Items from a dataset:

--- START ---

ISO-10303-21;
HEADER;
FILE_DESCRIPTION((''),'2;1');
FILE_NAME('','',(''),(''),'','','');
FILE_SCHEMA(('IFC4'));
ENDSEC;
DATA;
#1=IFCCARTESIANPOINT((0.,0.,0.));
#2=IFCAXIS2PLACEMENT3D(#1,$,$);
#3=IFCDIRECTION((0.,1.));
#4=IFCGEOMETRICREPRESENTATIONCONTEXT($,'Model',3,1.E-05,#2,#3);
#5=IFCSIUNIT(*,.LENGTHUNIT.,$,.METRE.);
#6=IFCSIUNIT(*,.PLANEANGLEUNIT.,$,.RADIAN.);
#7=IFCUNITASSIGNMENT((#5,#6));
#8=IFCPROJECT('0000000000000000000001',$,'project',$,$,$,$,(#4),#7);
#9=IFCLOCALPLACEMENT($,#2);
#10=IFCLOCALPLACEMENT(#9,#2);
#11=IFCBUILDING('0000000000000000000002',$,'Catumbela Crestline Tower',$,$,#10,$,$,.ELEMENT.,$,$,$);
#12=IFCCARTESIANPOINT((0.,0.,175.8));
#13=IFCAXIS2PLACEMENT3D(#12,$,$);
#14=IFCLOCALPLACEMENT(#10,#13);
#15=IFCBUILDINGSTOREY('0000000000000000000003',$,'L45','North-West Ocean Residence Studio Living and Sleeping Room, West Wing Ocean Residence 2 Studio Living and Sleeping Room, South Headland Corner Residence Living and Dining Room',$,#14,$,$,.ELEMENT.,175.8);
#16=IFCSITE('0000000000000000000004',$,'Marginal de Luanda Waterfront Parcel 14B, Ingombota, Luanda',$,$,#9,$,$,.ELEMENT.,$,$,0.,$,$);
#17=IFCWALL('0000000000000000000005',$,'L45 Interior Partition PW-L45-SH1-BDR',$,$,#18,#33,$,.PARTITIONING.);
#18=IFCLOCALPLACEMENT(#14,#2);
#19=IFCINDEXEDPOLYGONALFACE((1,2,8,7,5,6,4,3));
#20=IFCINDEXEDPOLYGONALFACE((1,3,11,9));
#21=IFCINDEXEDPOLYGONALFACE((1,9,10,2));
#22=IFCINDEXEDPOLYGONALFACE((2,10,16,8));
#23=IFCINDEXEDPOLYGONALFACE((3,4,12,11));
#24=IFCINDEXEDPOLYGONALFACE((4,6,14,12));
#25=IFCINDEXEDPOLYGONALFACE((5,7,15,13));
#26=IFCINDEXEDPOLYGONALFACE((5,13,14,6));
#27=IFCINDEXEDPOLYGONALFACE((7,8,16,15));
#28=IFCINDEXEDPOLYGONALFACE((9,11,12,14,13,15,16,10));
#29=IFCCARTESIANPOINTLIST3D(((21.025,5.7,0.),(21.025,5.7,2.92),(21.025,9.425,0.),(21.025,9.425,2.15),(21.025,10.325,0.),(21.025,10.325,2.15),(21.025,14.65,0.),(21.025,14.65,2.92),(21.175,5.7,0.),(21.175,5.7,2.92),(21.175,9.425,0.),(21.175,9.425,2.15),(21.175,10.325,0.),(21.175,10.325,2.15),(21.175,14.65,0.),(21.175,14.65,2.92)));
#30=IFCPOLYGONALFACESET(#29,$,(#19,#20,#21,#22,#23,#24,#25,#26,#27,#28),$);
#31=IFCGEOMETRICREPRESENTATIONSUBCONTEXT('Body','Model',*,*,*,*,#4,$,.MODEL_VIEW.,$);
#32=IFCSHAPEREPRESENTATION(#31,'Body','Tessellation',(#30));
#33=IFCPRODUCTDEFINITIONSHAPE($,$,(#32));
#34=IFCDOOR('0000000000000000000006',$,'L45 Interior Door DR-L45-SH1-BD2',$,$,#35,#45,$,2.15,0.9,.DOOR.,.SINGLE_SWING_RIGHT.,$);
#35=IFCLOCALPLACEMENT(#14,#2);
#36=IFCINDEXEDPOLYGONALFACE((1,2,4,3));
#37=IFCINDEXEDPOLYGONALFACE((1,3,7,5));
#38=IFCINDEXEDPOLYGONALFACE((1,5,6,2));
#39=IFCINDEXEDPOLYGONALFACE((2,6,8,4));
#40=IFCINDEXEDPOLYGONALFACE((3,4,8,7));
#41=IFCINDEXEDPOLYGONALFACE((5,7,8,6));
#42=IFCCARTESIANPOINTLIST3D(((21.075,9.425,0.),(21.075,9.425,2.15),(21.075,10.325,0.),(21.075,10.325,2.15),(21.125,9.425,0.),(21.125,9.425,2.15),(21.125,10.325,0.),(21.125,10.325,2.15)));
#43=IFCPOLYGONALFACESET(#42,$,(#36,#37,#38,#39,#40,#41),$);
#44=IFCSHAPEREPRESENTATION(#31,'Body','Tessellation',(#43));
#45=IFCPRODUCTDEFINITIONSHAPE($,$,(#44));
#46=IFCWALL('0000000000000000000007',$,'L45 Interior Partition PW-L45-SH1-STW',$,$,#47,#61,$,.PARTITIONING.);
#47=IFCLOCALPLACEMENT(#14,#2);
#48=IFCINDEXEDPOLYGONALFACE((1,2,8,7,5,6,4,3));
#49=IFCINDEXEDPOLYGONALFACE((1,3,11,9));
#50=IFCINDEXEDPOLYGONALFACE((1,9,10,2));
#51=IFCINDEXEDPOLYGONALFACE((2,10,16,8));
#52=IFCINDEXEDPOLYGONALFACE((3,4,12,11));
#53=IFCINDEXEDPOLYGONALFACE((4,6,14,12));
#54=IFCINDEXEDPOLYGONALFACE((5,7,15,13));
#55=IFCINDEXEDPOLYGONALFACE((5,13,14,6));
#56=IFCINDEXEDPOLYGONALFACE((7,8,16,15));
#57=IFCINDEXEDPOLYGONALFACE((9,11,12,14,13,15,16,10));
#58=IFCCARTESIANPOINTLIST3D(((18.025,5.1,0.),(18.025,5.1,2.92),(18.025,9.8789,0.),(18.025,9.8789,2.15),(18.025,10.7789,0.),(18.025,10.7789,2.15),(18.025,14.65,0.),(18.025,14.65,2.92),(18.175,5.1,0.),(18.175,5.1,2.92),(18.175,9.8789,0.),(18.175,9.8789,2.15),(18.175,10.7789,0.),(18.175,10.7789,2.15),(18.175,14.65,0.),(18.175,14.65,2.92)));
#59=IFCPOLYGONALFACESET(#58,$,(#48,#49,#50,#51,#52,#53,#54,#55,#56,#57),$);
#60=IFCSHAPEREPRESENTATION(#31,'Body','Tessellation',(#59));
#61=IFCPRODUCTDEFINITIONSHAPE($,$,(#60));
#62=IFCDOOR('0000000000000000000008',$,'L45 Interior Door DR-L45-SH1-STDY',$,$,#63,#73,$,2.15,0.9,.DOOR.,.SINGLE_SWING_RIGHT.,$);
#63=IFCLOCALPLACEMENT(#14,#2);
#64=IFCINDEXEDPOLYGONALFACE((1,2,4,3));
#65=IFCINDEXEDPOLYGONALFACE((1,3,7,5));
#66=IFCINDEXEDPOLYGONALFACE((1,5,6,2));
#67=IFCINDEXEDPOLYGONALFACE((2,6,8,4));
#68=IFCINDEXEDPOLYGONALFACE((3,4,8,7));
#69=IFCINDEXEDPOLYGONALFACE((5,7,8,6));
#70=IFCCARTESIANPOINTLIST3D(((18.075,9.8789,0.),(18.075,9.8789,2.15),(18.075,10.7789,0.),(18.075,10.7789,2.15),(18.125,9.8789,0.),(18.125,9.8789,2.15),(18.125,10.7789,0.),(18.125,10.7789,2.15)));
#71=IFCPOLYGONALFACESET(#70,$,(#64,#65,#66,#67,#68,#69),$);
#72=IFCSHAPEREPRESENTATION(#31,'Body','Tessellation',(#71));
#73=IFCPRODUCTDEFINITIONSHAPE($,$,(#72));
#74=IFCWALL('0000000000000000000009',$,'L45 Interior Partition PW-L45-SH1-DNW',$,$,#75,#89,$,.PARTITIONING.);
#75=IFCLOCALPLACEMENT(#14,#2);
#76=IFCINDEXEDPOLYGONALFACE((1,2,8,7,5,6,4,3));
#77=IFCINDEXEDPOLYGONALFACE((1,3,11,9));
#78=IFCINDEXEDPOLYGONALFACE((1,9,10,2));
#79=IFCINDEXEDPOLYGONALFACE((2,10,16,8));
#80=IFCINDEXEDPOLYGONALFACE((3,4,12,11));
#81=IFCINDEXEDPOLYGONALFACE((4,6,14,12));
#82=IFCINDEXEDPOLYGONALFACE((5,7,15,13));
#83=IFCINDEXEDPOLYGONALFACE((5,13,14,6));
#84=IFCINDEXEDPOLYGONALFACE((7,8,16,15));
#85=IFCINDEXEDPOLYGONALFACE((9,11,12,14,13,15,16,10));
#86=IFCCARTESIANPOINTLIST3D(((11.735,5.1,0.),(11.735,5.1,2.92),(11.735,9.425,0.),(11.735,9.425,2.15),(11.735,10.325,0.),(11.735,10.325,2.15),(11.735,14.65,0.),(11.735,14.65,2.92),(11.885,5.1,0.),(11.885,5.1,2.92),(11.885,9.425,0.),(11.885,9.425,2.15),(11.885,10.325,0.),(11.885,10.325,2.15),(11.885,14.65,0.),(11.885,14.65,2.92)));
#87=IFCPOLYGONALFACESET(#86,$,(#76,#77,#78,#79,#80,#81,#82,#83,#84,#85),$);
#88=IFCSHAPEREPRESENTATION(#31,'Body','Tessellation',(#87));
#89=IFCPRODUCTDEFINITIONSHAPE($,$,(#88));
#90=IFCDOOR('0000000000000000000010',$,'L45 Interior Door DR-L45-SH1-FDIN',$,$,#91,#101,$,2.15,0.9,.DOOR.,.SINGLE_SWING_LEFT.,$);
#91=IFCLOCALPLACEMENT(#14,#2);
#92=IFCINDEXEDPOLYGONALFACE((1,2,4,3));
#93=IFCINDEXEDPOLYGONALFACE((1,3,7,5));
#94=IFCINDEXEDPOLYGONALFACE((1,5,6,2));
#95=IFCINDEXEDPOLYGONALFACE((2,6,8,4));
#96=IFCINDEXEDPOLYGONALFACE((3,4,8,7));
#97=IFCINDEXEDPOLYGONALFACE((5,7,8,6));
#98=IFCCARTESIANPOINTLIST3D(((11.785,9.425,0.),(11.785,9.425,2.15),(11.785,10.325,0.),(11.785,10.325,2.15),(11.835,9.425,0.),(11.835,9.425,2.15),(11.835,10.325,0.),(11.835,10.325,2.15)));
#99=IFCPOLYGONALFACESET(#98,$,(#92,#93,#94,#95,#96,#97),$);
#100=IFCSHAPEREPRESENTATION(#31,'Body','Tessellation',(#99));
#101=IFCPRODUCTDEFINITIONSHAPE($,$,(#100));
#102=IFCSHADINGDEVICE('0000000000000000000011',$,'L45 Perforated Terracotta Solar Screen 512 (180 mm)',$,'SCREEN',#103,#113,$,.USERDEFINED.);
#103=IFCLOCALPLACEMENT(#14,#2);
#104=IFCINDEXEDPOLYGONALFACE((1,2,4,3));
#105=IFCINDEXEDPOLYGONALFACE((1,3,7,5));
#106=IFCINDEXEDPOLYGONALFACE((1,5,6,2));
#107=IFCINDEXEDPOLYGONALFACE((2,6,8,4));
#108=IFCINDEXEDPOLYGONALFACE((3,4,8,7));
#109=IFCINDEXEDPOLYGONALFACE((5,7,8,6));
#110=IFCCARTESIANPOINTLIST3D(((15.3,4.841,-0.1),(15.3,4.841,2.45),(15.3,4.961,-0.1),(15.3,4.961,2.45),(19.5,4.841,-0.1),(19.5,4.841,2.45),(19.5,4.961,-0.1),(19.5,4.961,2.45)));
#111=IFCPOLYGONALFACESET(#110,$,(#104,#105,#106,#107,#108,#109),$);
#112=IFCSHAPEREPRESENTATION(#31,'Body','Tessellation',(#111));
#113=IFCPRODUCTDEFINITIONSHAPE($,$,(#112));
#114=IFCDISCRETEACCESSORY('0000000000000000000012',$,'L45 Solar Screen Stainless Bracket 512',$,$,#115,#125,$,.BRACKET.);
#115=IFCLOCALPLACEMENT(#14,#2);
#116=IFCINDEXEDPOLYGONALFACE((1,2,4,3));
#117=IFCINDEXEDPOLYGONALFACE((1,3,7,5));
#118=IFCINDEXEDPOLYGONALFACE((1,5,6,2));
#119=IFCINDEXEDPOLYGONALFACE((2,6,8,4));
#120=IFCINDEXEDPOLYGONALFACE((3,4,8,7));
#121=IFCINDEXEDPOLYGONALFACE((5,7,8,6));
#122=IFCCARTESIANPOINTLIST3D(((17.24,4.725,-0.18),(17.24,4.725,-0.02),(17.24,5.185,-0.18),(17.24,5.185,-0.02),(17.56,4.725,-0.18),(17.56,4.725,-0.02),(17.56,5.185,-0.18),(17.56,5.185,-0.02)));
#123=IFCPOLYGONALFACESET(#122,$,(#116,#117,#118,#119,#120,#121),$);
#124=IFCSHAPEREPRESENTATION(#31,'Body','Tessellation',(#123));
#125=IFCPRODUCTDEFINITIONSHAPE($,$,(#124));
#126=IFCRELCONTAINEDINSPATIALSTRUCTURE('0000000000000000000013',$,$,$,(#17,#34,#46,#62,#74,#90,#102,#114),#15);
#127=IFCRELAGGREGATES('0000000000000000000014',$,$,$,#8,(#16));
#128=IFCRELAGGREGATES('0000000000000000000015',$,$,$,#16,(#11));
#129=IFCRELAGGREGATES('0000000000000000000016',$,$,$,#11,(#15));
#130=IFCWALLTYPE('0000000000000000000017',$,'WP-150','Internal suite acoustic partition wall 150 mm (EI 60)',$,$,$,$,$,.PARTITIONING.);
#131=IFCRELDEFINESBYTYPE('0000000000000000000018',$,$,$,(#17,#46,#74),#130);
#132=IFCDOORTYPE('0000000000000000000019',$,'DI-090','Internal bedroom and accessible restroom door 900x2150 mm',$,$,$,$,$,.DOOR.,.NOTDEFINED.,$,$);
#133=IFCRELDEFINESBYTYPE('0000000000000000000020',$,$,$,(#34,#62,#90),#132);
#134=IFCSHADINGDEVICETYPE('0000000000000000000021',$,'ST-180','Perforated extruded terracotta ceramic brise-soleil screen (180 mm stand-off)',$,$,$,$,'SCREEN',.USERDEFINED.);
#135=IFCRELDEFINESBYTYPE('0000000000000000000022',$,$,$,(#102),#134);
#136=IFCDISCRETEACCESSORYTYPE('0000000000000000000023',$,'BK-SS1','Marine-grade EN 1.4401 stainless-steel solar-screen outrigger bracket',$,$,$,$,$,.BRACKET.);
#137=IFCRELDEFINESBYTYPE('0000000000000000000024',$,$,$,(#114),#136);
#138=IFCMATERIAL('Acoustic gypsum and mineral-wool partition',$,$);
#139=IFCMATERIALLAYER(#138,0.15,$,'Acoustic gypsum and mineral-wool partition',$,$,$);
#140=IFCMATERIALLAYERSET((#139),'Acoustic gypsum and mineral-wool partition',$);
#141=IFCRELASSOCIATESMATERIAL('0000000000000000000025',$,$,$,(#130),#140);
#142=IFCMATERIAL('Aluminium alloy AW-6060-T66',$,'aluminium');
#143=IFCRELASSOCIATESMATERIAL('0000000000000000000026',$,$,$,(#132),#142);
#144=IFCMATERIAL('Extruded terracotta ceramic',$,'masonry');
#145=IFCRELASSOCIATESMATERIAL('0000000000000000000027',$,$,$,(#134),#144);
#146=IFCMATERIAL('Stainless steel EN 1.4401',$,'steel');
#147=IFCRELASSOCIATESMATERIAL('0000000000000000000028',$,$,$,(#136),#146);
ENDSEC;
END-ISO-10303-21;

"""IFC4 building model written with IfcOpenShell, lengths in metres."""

from ifc_helpers import new_model, si_unit, direction, frame, frame_2d, origin, origin_2d, place, context, subcontext, project, spatial, rectangle, extrude, material, layer, layer_set, type_object, element, fill, save


model = new_model("IFC4")

# Units and contexts
model_context = context("Model", 3, precision=1e-05, world=origin(), true_north=direction((0.0, 1.0)))
body_context = subcontext(model_context, "Body", "Model", "MODEL_VIEW")
ifc_project = project(units=[si_unit("LENGTHUNIT", "METRE"), si_unit("PLANEANGLEUNIT", "RADIAN")], contexts=[model_context])

# Site, building, storey
site_placement = place(None, origin())
site = spatial("IfcSite", under=ifc_project, at=site_placement, Name="Marginal de Luanda Waterfront Parcel 14B, Ingombota, Luanda", CompositionType="ELEMENT", RefElevation=0.0)
building_placement = place(site_placement, origin())
building = spatial("IfcBuilding", under=site, at=building_placement, Name="Catumbela Crestline Tower", CompositionType="ELEMENT")
storey_placement = place(building_placement, frame((0.0, 0.0, 175.8)))
storey = spatial("IfcBuildingStorey", under=building, at=storey_placement, Name="L45", Description="North-West Ocean Residence Studio Living and Sleeping Room, West Wing Ocean Residence 2 Studio Living and Sleeping Room, South Headland Corner Residence Living and Dining Room", CompositionType="ELEMENT", Elevation=175.8)

# Shared definitions
ifc_material_1 = material(Name="Aluminium alloy AW-6060-T66", Category="aluminium")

--- END ---

• [Aim of the task]:
All lines with the word "Tessellation" are needed; pull them from the entries and copy each.

• [Response area]:
#32=IFCSHAPEREPRESENTATION(#31,'Body','Tessellation',(#30));
#44=IFCSHAPEREPRESENTATION(#31,'Body','Tessellation',(#43));
#60=IFCSHAPEREPRESENTATION(#31,'Body','Tessellation',(#59));
#72=IFCSHAPEREPRESENTATION(#31,'Body','Tessellation',(#71));
#88=IFCSHAPEREPRESENTATION(#31,'Body','Tessellation',(#87));
#100=IFCSHAPEREPRESENTATION(#31,'Body','Tessellation',(#99));
#112=IFCSHAPEREPRESENTATION(#31,'Body','Tessellation',(#111));
#124=IFCSHAPEREPRESENTATION(#31,'Body','Tessellation',(#123));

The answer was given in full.